Write out the data below in full, please. Keep every character as given.

*** Opening Data under study ***

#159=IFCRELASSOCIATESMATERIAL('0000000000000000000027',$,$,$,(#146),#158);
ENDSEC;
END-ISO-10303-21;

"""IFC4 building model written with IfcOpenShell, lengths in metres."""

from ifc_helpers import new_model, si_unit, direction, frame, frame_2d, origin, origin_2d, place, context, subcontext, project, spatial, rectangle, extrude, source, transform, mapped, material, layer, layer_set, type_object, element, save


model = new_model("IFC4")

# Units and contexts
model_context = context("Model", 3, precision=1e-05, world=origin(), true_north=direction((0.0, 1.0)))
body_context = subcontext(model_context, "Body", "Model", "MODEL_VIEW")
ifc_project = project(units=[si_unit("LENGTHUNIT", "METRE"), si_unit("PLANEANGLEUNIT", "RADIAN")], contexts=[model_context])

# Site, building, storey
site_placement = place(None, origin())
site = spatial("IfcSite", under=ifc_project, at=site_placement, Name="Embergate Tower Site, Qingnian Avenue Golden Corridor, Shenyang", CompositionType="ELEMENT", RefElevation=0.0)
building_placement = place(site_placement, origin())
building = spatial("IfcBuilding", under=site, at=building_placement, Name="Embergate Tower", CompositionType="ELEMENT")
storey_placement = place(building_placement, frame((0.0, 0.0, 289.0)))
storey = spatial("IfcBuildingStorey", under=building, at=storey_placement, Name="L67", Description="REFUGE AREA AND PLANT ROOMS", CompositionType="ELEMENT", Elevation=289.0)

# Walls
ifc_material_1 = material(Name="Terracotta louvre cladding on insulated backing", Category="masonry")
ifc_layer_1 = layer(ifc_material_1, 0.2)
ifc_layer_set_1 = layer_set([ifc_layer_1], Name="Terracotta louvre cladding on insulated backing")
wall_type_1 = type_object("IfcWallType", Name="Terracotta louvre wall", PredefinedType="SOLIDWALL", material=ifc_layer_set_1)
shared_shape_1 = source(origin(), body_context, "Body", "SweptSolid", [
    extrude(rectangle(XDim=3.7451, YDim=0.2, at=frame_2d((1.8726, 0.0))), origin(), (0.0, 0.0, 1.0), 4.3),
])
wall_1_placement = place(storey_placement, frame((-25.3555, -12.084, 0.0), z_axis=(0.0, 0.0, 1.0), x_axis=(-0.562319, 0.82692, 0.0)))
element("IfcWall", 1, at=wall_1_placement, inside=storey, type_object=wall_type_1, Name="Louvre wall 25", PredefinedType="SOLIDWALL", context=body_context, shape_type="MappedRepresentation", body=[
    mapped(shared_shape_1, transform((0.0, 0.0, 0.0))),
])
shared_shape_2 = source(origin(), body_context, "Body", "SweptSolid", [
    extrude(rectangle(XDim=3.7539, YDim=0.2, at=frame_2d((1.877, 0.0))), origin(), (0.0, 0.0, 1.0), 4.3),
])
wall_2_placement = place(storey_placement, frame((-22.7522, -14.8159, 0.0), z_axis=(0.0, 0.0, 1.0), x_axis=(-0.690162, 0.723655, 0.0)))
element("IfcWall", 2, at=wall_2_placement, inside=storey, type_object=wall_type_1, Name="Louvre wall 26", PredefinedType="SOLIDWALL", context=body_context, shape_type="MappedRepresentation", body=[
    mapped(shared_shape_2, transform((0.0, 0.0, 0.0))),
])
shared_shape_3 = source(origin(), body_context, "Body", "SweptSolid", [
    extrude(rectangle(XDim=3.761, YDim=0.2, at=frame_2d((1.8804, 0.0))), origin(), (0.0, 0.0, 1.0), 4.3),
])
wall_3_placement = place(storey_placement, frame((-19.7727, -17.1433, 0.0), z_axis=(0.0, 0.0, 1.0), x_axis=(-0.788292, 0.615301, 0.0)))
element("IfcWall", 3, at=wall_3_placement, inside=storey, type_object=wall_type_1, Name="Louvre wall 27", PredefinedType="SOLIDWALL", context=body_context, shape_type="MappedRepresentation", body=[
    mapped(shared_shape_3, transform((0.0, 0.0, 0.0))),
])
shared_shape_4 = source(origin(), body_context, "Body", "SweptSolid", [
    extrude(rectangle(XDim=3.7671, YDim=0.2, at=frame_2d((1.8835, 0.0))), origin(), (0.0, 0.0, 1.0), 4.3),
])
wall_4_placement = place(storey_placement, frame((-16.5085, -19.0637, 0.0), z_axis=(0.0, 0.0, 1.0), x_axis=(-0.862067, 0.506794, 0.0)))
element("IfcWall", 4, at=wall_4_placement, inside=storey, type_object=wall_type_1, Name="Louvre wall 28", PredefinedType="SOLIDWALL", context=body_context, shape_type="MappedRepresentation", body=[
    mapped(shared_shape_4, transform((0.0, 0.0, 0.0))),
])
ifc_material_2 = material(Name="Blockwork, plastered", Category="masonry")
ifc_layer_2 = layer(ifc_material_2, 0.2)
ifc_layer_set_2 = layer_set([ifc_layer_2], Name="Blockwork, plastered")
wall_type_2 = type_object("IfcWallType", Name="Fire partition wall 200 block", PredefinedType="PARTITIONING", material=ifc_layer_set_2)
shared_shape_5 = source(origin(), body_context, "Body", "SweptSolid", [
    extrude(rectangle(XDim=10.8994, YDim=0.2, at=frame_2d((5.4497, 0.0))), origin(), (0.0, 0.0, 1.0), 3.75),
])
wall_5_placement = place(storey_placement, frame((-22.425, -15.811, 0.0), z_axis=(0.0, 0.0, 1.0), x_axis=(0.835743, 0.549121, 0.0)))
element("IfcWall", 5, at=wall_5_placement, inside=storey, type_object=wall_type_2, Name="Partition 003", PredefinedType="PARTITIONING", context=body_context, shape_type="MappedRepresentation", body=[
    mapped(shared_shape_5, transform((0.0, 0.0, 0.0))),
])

*** Closing Data under study ***

** Response to this exercise **
#159=IFCRELASSOCIATESMATERIAL('0000000000000000000027',$,$,$,(#146),#158);
ENDSEC;
END-ISO-10303-21;

"""IFC4 building model written with IfcOpenShell, lengths in metres."""

from ifc_helpers import new_model, si_unit, direction, frame, frame_2d, origin, origin_2d, place, context, subcontext, project, spatial, rectangle, extrude, source, transform, mapped, material, layer, layer_set, type_object, element, save


model = new_model("IFC4")

# Units and contexts
model_context = context("Model", 3, precision=1e-05, world=origin(), true_north=direction((0.0, 1.0)))
body_context = subcontext(model_context, "Body", "Model", "MODEL_VIEW")
ifc_project = project(units=[si_unit("LENGTHUNIT", "METRE"), si_unit("PLANEANGLEUNIT", "RADIAN")], contexts=[model_context])

# Site, building, storey
site_placement = place(None, origin())
site = spatial("IfcSite", under=ifc_project, at=site_placement, Name="Embergate Tower Site, Qingnian Avenue Golden Corridor, Shenyang", CompositionType="ELEMENT", RefElevation=0.0)
building_placement = place(site_placement, origin())
building = spatial("IfcBuilding", under=site, at=building_placement, Name="Embergate Tower", CompositionType="ELEMENT")
storey_placement = place(building_placement, frame((0.0, 0.0, 289.0)))
storey = spatial("IfcBuildingStorey", under=building, at=storey_placement, Name="L67", Description="REFUGE AREA AND PLANT ROOMS", CompositionType="ELEMENT", Elevation=289.0)

# Walls
ifc_material_1 = material(Name="Terracotta louvre cladding on insulated backing", Category="masonry")
ifc_layer_1 = layer(ifc_material_1, 0.2)
ifc_layer_set_1 = layer_set([ifc_layer_1], Name="Terracotta louvre cladding on insulated backing")
wall_type_1 = type_object("IfcWallType", Name="Terracotta louvre wall", PredefinedType="SOLIDWALL", material=ifc_layer_set_1)
shared_shape_1 = source(origin(), body_context, "Body", "SweptSolid", [
    extrude(rectangle(XDim=3.7451, YDim=0.2, at=frame_2d((1.8726, 0.0))), origin(), (0.0, 0.0, 1.0), 4.3),
])
wall_1_placement = place(storey_placement, frame((-25.3555, -12.084, 0.0), z_axis=(0.0, 0.0, 1.0), x_axis=(-0.562319, 0.82692, 0.0)))
element("IfcWall", 1, at=wall_1_placement, inside=storey, type_object=wall_type_1, Name="Louvre wall 25", PredefinedType="SOLIDWALL", context=body_context, shape_type="MappedRepresentation", body=[
    mapped(shared_shape_1, transform((0.0, 0.0, 0.0))),
])
shared_shape_2 = source(origin(), body_context, "Body", "SweptSolid", [
    extrude(rectangle(XDim=3.7539, YDim=0.2, at=frame_2d((1.877, 0.0))), origin(), (0.0, 0.0, 1.0), 4.3),
])
wall_2_placement = place(storey_placement, frame((-22.7522, -14.8159, 0.0), z_axis=(0.0, 0.0, 1.0), x_axis=(-0.690162, 0.723655, 0.0)))
element("IfcWall", 2, at=wall_2_placement, inside=storey, type_object=wall_type_1, Name="Louvre wall 26", PredefinedType="SOLIDWALL", context=body_context, shape_type="MappedRepresentation", body=[
    mapped(shared_shape_2, transform((0.0, 0.0, 0.0))),
])
shared_shape_3 = source(origin(), body_context, "Body", "SweptSolid", [
    extrude(rectangle(XDim=3.761, YDim=0.2, at=frame_2d((1.8804, 0.0))), origin(), (0.0, 0.0, 1.0), 4.3),
])
wall_3_placement = place(storey_placement, frame((-19.7727, -17.1433, 0.0), z_axis=(0.0, 0.0, 1.0), x_axis=(-0.788292, 0.615301, 0.0)))
element("IfcWall", 3, at=wall_3_placement, inside=storey, type_object=wall_type_1, Name="Louvre wall 27", PredefinedType="SOLIDWALL", context=body_context, shape_type="MappedRepresentation", body=[
    mapped(shared_shape_3, transform((0.0, 0.0, 0.0))),
])
shared_shape_4 = source(origin(), body_context, "Body", "SweptSolid", [
    extrude(rectangle(XDim=3.7671, YDim=0.2, at=frame_2d((1.8835, 0.0))), origin(), (0.0, 0.0, 1.0), 4.3),
])
wall_4_placement = place(storey_placement, frame((-16.5085, -19.0637, 0.0), z_axis=(0.0, 0.0, 1.0), x_axis=(-0.862067, 0.506794, 0.0)))
element("IfcWall", 4, at=wall_4_placement, inside=storey, type_object=wall_type_1, Name="Louvre wall 28", PredefinedType="SOLIDWALL", context=body_context, shape_type="MappedRepresentation", body=[
    mapped(shared_shape_4, transform((0.0, 0.0, 0.0))),
])
ifc_material_2 = material(Name="Blockwork, plastered", Category="masonry")
ifc_layer_2 = layer(ifc_material_2, 0.2)
ifc_layer_set_2 = layer_set([ifc_layer_2], Name="Blockwork, plastered")
wall_type_2 = type_object("IfcWallType", Name="Fire partition wall 200 block", PredefinedType="PARTITIONING", material=ifc_layer_set_2)
shared_shape_5 = source(origin(), body_context, "Body", "SweptSolid", [
    extrude(rectangle(XDim=10.8994, YDim=0.2, at=frame_2d((5.4497, 0.0))), origin(), (0.0, 0.0, 1.0), 3.75),
])
wall_5_placement = place(storey_placement, frame((-22.425, -15.811, 0.0), z_axis=(0.0, 0.0, 1.0), x_axis=(0.835743, 0.549121, 0.0)))
element("IfcWall", 5, at=wall_5_placement, inside=storey, type_object=wall_type_2, Name="Partition 003", PredefinedType="PARTITIONING", context=body_context, shape_type="MappedRepresentation", body=[
    mapped(shared_shape_5, transform((0.0, 0.0, 0.0))),
])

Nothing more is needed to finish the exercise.